▸ **WHAT THIS TASK INVOLVES**:
Would you please copy every line from the records that contains the word "YDim"?

▸ **EXERCISE INPUT**:
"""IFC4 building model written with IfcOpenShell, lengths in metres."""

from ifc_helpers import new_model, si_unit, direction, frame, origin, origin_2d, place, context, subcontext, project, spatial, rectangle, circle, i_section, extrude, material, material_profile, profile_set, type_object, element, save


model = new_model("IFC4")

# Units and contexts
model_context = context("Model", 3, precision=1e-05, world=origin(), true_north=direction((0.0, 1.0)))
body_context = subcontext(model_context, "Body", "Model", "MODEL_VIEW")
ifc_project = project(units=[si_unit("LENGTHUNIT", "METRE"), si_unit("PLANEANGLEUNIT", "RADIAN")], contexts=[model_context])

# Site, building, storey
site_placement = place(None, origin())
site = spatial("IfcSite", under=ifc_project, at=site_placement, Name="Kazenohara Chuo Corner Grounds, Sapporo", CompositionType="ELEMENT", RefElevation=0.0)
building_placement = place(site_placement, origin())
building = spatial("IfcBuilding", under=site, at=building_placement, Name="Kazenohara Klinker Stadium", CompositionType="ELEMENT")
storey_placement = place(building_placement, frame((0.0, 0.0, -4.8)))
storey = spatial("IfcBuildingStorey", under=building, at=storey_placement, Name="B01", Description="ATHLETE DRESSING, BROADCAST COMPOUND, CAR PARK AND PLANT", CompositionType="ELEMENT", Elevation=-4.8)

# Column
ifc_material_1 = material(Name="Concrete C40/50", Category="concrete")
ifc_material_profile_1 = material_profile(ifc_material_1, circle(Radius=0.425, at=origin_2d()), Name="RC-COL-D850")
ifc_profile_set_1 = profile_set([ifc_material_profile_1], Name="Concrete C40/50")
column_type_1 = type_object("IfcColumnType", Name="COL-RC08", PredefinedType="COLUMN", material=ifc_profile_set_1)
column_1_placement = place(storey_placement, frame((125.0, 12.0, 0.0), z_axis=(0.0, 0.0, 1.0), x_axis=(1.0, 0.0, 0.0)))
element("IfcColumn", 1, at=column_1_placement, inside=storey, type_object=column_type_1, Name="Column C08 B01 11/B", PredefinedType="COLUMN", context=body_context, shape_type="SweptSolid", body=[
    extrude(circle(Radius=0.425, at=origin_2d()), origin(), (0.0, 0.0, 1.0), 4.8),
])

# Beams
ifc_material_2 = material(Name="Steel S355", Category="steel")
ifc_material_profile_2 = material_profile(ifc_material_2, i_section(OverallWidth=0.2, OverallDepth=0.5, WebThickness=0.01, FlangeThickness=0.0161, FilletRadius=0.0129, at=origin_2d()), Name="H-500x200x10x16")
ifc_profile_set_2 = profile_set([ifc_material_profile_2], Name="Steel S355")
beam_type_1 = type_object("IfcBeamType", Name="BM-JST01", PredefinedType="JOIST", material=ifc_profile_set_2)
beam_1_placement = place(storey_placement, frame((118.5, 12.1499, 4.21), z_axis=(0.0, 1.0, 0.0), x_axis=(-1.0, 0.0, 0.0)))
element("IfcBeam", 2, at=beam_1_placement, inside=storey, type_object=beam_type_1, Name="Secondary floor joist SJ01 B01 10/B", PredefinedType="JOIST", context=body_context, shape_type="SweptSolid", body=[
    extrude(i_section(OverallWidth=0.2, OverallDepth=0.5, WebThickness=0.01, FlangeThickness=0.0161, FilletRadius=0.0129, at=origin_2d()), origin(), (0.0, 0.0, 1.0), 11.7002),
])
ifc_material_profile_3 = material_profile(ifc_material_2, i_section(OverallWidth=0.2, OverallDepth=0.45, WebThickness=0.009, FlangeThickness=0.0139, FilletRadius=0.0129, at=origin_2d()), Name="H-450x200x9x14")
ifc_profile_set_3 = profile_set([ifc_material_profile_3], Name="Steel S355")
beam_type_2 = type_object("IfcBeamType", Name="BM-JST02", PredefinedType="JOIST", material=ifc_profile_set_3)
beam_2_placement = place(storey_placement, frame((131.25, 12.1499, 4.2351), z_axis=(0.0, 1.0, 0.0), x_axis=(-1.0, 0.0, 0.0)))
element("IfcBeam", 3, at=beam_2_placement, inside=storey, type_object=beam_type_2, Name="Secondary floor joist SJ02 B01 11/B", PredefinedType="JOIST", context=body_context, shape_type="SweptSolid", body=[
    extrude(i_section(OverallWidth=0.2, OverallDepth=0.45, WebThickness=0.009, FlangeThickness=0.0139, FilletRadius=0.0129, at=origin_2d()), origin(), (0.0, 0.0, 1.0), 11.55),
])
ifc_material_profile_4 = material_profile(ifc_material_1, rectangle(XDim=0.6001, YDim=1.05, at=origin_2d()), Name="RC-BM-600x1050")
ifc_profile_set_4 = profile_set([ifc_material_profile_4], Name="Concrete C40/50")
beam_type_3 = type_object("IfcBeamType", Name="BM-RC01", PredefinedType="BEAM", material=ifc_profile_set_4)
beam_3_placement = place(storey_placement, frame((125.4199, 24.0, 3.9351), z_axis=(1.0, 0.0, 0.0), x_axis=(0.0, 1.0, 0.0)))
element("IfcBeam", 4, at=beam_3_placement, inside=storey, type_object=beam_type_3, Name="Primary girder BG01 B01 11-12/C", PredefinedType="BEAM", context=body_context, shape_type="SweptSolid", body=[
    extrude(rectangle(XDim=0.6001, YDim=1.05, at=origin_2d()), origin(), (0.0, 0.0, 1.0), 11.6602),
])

==

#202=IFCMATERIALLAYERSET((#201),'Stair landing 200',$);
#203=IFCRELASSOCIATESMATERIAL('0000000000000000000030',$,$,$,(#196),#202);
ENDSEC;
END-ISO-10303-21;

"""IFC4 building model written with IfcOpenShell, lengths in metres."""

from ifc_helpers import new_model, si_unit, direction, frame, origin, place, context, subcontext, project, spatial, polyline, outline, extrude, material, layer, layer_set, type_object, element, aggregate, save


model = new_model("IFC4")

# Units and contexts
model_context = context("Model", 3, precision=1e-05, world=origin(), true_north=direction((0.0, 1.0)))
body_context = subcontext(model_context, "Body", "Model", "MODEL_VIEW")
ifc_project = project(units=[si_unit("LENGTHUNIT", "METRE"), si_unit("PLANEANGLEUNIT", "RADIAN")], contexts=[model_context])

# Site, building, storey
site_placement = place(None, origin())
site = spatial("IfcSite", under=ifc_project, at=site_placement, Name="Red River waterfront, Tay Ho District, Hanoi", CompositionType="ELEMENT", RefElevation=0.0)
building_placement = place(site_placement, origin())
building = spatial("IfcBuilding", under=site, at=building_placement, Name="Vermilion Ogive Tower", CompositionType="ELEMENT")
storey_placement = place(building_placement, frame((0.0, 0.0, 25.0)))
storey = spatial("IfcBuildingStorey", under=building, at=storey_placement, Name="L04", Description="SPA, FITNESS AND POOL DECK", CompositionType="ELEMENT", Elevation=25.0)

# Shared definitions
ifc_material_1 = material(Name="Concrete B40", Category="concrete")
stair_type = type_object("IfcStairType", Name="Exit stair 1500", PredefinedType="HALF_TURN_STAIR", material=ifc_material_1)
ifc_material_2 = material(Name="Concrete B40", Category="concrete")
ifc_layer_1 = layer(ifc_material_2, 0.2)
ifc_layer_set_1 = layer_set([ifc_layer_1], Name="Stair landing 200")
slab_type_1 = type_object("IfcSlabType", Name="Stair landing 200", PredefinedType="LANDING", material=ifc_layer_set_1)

▸ **WRITTEN SOLUTION**:
ifc_material_profile_4 = material_profile(ifc_material_1, rectangle(XDim=0.6001, YDim=1.05, at=origin_2d()), Name="RC-BM-600x1050")
    extrude(rectangle(XDim=0.6001, YDim=1.05, at=origin_2d()), origin(), (0.0, 0.0, 1.0), 11.6602),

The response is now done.